BRIEF:
From the data that follows, print exactly the lines starting at the one containing "#90=IFCINDEXEDPOLYGONALFACE((1,5,6,2));" and ending at the one containing "#111=IFCLOCALPLACEMENT(#14,#2);"; include both of them and nothing more.

RECORD EXTRACTS:
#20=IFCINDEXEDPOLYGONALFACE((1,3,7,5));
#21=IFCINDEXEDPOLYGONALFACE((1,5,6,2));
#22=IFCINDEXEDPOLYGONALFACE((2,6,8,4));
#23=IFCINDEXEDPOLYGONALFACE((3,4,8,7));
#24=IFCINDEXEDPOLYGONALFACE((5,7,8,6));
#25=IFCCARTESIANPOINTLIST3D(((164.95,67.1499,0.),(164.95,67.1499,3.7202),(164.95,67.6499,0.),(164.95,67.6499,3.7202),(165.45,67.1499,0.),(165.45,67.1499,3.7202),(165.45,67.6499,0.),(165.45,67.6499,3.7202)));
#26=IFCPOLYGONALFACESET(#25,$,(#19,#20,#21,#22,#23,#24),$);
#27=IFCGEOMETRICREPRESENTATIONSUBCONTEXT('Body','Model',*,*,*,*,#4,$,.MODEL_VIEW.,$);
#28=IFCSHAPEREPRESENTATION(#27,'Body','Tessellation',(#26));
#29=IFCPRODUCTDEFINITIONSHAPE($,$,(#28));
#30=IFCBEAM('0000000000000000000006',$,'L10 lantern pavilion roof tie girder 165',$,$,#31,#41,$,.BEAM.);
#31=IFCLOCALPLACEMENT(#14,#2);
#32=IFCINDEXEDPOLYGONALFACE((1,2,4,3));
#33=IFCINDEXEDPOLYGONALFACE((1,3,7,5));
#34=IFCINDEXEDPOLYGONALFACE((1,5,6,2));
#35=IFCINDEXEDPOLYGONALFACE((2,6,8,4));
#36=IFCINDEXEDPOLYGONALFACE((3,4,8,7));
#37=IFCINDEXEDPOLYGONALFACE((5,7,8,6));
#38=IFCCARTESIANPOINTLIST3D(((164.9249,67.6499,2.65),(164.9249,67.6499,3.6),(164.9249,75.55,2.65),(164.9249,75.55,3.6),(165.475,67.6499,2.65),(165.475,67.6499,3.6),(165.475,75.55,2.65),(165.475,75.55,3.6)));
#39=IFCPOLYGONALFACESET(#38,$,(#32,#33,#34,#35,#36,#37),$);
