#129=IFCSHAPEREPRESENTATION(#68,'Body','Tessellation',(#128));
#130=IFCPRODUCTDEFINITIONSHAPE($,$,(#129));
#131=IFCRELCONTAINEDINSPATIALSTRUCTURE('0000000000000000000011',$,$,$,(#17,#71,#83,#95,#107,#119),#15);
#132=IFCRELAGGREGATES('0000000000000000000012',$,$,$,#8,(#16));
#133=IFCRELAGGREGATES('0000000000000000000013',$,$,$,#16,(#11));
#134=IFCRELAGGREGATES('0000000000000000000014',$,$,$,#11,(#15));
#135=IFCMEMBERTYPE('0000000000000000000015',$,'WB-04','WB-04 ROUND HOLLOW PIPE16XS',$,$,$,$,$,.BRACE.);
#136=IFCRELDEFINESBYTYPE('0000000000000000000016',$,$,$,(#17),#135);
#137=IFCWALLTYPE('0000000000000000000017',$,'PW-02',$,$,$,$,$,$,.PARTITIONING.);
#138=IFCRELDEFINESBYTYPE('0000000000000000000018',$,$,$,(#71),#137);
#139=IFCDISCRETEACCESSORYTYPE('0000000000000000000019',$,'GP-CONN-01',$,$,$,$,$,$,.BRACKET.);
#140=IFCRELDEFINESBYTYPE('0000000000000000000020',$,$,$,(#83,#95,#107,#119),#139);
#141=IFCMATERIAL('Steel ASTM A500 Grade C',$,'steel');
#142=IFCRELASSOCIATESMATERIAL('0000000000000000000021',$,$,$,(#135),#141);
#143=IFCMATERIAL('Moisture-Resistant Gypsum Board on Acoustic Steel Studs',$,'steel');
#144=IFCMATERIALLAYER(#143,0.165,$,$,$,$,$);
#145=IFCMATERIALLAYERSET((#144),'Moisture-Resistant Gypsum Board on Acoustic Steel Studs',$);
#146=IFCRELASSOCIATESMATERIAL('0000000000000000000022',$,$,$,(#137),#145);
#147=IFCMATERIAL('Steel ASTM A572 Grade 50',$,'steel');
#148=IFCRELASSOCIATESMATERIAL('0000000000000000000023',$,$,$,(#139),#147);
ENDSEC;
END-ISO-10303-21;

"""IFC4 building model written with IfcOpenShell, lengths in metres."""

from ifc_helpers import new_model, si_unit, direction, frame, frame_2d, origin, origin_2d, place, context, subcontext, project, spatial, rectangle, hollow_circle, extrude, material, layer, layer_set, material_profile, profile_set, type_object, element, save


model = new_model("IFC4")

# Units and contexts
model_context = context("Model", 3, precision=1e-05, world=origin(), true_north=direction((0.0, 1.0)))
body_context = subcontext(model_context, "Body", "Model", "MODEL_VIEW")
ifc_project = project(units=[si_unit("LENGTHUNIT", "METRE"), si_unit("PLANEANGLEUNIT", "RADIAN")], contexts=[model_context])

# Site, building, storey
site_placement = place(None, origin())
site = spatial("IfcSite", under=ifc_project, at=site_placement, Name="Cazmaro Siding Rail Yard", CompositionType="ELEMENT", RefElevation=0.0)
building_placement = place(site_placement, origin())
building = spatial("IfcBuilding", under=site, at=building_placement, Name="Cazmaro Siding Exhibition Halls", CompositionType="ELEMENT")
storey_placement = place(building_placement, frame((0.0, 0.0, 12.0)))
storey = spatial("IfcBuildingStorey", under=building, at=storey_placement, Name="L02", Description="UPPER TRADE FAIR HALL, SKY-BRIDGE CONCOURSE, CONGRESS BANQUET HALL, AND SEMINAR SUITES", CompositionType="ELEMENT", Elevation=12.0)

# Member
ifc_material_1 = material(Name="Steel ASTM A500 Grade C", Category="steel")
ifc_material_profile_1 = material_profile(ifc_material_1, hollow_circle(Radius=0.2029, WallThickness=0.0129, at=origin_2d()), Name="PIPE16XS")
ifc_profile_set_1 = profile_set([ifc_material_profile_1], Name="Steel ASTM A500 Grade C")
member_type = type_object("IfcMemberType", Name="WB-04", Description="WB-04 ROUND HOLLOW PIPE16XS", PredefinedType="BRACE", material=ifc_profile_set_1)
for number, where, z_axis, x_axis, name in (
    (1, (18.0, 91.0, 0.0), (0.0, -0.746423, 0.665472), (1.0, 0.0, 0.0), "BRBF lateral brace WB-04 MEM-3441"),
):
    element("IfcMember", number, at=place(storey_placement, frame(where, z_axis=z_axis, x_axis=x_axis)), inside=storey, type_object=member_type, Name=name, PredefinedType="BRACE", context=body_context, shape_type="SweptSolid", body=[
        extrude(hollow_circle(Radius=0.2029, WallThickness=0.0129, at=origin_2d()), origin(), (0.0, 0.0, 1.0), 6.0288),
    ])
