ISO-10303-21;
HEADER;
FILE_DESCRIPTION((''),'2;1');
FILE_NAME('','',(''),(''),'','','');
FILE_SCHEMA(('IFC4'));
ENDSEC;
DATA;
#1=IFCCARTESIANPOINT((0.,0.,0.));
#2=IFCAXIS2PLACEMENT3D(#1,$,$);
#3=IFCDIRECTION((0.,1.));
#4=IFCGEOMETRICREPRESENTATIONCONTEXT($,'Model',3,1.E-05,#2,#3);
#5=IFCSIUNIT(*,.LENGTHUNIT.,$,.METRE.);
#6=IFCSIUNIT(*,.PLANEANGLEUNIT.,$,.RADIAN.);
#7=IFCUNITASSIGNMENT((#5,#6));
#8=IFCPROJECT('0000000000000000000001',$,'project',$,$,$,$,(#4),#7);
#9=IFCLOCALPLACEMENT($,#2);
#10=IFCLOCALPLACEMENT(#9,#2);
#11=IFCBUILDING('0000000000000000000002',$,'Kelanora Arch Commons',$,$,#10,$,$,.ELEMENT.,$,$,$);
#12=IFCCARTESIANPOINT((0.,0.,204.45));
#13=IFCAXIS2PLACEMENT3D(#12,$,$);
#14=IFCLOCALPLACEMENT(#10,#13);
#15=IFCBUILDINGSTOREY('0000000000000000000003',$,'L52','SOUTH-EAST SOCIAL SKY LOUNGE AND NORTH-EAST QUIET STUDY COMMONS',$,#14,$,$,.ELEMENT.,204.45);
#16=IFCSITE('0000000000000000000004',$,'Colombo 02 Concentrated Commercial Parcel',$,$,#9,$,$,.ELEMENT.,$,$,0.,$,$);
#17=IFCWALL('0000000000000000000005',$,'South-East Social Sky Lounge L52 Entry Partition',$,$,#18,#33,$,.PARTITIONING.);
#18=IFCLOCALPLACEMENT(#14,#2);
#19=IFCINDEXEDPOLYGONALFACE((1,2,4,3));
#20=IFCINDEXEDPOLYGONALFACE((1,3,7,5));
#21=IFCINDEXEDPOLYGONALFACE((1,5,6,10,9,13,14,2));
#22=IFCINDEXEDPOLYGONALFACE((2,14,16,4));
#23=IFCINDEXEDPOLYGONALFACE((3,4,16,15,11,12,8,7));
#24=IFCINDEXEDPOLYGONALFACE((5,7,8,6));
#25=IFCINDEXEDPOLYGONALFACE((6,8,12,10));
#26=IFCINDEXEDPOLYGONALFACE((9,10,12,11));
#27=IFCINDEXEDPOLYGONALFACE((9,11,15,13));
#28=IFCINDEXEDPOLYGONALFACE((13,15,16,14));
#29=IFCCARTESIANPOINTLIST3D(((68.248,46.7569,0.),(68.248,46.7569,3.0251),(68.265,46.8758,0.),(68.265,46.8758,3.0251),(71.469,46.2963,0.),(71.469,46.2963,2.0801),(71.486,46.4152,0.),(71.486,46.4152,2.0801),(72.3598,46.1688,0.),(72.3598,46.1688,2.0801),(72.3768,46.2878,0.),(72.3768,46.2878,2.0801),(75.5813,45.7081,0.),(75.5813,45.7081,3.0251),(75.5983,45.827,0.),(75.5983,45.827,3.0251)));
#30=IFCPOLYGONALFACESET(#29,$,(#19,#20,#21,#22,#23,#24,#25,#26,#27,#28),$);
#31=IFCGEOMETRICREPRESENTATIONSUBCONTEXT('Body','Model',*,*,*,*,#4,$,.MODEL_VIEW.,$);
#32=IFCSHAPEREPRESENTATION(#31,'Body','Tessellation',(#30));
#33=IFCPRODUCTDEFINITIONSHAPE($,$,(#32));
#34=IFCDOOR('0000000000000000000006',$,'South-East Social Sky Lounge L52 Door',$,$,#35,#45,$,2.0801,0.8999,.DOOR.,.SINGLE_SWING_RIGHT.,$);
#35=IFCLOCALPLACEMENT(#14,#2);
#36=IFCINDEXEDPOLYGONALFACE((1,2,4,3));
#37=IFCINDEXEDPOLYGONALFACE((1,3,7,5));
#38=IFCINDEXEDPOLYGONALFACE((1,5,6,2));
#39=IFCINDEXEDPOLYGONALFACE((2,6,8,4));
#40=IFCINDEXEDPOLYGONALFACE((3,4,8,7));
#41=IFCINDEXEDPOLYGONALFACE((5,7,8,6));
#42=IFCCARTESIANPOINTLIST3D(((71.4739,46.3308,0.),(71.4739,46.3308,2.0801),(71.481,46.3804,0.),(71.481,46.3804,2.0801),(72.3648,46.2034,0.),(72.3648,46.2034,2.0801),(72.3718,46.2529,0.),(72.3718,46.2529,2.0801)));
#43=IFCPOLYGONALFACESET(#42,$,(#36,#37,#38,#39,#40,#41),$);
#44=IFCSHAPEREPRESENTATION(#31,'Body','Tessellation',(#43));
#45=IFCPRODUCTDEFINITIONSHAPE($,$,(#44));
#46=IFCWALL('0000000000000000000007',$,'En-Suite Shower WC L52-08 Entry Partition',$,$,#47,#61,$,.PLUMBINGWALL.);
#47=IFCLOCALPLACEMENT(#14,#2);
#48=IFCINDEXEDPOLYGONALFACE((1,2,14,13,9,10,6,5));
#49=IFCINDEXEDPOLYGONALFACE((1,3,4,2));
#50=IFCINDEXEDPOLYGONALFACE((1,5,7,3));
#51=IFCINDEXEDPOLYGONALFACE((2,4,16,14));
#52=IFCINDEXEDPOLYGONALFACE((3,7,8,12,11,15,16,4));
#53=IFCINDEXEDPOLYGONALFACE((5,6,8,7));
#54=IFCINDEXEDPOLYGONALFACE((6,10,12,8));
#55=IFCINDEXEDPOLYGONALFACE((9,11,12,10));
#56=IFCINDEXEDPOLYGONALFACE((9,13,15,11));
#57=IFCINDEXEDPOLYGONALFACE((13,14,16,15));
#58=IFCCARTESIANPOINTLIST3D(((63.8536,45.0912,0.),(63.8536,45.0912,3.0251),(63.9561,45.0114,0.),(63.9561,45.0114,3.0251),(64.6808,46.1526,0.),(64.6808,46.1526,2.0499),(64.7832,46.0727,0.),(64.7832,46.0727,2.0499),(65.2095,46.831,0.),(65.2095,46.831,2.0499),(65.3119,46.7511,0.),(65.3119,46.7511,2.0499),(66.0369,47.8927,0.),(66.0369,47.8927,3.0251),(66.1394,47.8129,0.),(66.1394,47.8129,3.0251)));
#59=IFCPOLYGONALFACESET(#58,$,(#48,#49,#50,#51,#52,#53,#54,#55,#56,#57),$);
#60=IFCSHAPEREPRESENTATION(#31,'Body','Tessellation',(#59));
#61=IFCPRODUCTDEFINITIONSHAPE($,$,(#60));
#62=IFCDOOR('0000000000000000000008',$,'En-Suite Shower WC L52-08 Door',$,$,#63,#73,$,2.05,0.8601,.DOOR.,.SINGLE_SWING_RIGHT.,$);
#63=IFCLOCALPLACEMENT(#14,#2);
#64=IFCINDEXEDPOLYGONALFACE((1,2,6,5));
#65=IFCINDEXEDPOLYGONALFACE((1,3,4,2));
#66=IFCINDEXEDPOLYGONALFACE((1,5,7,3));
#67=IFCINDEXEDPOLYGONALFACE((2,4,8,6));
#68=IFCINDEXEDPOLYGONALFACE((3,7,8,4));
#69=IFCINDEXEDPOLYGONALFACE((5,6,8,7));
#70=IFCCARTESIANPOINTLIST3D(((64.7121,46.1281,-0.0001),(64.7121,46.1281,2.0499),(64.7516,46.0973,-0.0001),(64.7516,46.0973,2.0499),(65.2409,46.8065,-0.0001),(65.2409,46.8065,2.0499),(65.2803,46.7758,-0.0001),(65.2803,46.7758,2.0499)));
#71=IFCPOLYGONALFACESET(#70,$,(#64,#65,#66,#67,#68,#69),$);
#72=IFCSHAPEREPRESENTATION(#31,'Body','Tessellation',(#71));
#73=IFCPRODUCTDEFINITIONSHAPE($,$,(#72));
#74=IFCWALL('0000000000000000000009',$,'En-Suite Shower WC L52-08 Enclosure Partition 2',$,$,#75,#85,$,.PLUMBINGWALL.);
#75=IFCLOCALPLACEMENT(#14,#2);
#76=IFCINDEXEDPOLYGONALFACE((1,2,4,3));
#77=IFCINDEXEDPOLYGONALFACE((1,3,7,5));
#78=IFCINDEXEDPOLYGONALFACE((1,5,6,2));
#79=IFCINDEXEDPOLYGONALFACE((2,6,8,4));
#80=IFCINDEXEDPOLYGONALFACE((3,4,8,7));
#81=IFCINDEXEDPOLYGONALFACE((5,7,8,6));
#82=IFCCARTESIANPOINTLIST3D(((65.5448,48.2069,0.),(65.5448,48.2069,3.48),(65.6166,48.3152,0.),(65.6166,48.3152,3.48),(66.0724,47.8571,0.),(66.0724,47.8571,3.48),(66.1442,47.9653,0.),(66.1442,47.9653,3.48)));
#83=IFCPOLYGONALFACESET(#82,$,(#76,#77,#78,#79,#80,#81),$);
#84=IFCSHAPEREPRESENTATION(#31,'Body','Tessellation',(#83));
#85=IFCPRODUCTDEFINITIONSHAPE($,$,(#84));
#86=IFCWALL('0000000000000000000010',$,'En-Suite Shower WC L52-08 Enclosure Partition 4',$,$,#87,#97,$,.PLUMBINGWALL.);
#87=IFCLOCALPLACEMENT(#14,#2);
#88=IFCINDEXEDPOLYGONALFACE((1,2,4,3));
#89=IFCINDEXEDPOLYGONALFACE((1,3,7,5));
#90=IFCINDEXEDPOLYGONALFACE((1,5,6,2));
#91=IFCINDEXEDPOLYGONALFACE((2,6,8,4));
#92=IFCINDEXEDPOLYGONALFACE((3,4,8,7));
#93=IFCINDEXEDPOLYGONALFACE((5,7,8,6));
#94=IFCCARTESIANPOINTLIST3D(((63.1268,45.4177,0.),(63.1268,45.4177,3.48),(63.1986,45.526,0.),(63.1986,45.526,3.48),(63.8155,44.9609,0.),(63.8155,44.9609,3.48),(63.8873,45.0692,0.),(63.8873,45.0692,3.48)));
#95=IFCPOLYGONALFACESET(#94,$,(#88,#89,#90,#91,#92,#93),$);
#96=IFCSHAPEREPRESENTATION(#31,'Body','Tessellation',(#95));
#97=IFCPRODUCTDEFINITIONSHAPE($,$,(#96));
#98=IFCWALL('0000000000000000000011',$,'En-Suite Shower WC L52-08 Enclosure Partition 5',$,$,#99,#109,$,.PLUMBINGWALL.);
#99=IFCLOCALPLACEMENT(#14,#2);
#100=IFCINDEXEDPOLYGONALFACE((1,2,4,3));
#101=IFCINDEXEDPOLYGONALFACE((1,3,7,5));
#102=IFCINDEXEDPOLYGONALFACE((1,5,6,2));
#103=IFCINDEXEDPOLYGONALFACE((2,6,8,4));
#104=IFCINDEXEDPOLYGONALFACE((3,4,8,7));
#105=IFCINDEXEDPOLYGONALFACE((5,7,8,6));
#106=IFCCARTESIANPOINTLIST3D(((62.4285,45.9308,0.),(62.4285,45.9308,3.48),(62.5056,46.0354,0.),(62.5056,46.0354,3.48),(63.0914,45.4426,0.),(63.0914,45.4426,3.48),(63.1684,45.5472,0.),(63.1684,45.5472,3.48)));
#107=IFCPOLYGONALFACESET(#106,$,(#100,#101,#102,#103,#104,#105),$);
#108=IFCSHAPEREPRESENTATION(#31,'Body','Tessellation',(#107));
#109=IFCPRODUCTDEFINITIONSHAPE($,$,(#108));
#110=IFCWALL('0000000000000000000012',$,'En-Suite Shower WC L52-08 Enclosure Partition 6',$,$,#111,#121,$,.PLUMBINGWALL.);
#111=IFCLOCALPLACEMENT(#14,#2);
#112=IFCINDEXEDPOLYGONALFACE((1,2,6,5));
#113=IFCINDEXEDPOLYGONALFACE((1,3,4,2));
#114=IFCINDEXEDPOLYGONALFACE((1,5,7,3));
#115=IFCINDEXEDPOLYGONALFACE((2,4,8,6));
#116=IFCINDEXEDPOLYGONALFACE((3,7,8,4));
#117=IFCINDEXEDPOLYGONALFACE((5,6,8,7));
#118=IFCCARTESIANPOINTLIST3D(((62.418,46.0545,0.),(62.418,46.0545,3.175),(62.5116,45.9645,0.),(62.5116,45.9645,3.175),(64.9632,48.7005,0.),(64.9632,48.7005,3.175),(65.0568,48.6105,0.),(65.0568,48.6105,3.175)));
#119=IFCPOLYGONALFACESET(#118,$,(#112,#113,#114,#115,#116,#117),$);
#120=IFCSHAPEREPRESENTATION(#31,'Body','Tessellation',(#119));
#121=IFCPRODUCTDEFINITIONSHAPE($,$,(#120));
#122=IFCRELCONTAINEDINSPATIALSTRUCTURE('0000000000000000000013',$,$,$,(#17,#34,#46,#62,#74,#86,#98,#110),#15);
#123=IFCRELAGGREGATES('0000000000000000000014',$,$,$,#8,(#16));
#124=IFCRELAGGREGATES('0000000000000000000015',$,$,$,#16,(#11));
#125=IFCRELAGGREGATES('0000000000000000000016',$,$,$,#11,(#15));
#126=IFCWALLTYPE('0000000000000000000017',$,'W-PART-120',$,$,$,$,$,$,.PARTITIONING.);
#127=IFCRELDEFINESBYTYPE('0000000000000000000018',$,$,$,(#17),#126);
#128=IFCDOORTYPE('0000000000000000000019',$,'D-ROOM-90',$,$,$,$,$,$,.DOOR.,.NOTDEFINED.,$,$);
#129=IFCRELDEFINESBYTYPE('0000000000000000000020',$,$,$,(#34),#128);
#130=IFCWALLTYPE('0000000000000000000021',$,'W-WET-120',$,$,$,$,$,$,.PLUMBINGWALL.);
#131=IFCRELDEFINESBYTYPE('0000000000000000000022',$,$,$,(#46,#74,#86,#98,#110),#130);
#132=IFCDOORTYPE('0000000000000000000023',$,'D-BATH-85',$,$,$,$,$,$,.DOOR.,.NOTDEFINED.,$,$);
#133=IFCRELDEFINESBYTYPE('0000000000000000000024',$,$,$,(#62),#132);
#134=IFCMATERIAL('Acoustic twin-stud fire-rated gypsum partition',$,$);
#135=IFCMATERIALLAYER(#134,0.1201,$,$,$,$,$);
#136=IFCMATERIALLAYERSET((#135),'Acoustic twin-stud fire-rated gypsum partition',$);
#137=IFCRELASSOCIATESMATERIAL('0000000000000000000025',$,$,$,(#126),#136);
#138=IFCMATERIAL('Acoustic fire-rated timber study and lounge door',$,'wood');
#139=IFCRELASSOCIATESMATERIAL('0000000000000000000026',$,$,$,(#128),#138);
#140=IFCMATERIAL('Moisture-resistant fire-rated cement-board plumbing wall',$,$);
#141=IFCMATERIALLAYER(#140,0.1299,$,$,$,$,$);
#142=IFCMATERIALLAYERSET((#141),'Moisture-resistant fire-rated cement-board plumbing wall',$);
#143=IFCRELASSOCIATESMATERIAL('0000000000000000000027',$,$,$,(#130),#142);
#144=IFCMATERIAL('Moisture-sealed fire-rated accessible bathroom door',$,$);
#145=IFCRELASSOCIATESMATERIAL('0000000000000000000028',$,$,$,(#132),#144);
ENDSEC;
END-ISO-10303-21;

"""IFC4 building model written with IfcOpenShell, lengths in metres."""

from ifc_helpers import new_model, si_unit, direction, frame, frame_2d, origin, place, context, subcontext, project, spatial, rectangle, extrude, material, layer, layer_set, type_object, element, fill, save


model = new_model("IFC4")

# Units and contexts
model_context = context("Model", 3, precision=1e-05, world=origin(), true_north=direction((0.0, 1.0)))
body_context = subcontext(model_context, "Body", "Model", "MODEL_VIEW")
ifc_project = project(units=[si_unit("LENGTHUNIT", "METRE"), si_unit("PLANEANGLEUNIT", "RADIAN")], contexts=[model_context])

# Site, building, storey
site_placement = place(None, origin())
site = spatial("IfcSite", under=ifc_project, at=site_placement, Name="Colombo 02 Concentrated Commercial Parcel", CompositionType="ELEMENT", RefElevation=0.0)
building_placement = place(site_placement, origin())
building = spatial("IfcBuilding", under=site, at=building_placement, Name="Kelanora Arch Commons", CompositionType="ELEMENT")
storey_placement = place(building_placement, frame((0.0, 0.0, 204.45)))
storey = spatial("IfcBuildingStorey", under=building, at=storey_placement, Name="L52", Description="SOUTH-EAST SOCIAL SKY LOUNGE AND NORTH-EAST QUIET STUDY COMMONS", CompositionType="ELEMENT", Elevation=204.45)

# Walls, openings, doors
ifc_material_1 = material(Name="Acoustic twin-stud fire-rated gypsum partition")
ifc_layer_1 = layer(ifc_material_1, 0.1201)
ifc_layer_set_1 = layer_set([ifc_layer_1], Name="Acoustic twin-stud fire-rated gypsum partition")
wall_type_1 = type_object("IfcWallType", Name="W-PART-120", PredefinedType="PARTITIONING", material=ifc_layer_set_1)
wall_1_placement = place(storey_placement, frame((68.2563, 46.8164, 0.0), z_axis=(0.0, 0.0, 1.0), x_axis=(0.989926, -0.141583, 0.0)))
wall_1 = element("IfcWall", 1, at=wall_1_placement, inside=storey, type_object=wall_type_1, Name="South-East Social Sky Lounge L52 Entry Partition", PredefinedType="PARTITIONING", context=body_context, shape_type="SweptSolid", body=[
    extrude(rectangle(XDim=7.408, YDim=0.1201, at=frame_2d((3.7041, 0.0))), origin(), (0.0, 0.0, 1.0), 3.0251),
])
opening_1_placement = place(wall_1_placement, frame((3.2539, 0.0, 0.0)))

RESULT OF THIS EXERCISE:
#90=IFCINDEXEDPOLYGONALFACE((1,5,6,2));
#91=IFCINDEXEDPOLYGONALFACE((2,6,8,4));
#92=IFCINDEXEDPOLYGONALFACE((3,4,8,7));
#93=IFCINDEXEDPOLYGONALFACE((5,7,8,6));
#94=IFCCARTESIANPOINTLIST3D(((63.1268,45.4177,0.),(63.1268,45.4177,3.48),(63.1986,45.526,0.),(63.1986,45.526,3.48),(63.8155,44.9609,0.),(63.8155,44.9609,3.48),(63.8873,45.0692,0.),(63.8873,45.0692,3.48)));
#95=IFCPOLYGONALFACESET(#94,$,(#88,#89,#90,#91,#92,#93),$);
#96=IFCSHAPEREPRESENTATION(#31,'Body','Tessellation',(#95));
#97=IFCPRODUCTDEFINITIONSHAPE($,$,(#96));
#98=IFCWALL('0000000000000000000011',$,'En-Suite Shower WC L52-08 Enclosure Partition 5',$,$,#99,#109,$,.PLUMBINGWALL.);
#99=IFCLOCALPLACEMENT(#14,#2);
#100=IFCINDEXEDPOLYGONALFACE((1,2,4,3));
#101=IFCINDEXEDPOLYGONALFACE((1,3,7,5));
#102=IFCINDEXEDPOLYGONALFACE((1,5,6,2));
#103=IFCINDEXEDPOLYGONALFACE((2,6,8,4));
#104=IFCINDEXEDPOLYGONALFACE((3,4,8,7));
#105=IFCINDEXEDPOLYGONALFACE((5,7,8,6));
#106=IFCCARTESIANPOINTLIST3D(((62.4285,45.9308,0.),(62.4285,45.9308,3.48),(62.5056,46.0354,0.),(62.5056,46.0354,3.48),(63.0914,45.4426,0.),(63.0914,45.4426,3.48),(63.1684,45.5472,0.),(63.1684,45.5472,3.48)));
#107=IFCPOLYGONALFACESET(#106,$,(#100,#101,#102,#103,#104,#105),$);
#108=IFCSHAPEREPRESENTATION(#31,'Body','Tessellation',(#107));
#109=IFCPRODUCTDEFINITIONSHAPE($,$,(#108));
#110=IFCWALL('0000000000000000000012',$,'En-Suite Shower WC L52-08 Enclosure Partition 6',$,$,#111,#121,$,.PLUMBINGWALL.);
#111=IFCLOCALPLACEMENT(#14,#2);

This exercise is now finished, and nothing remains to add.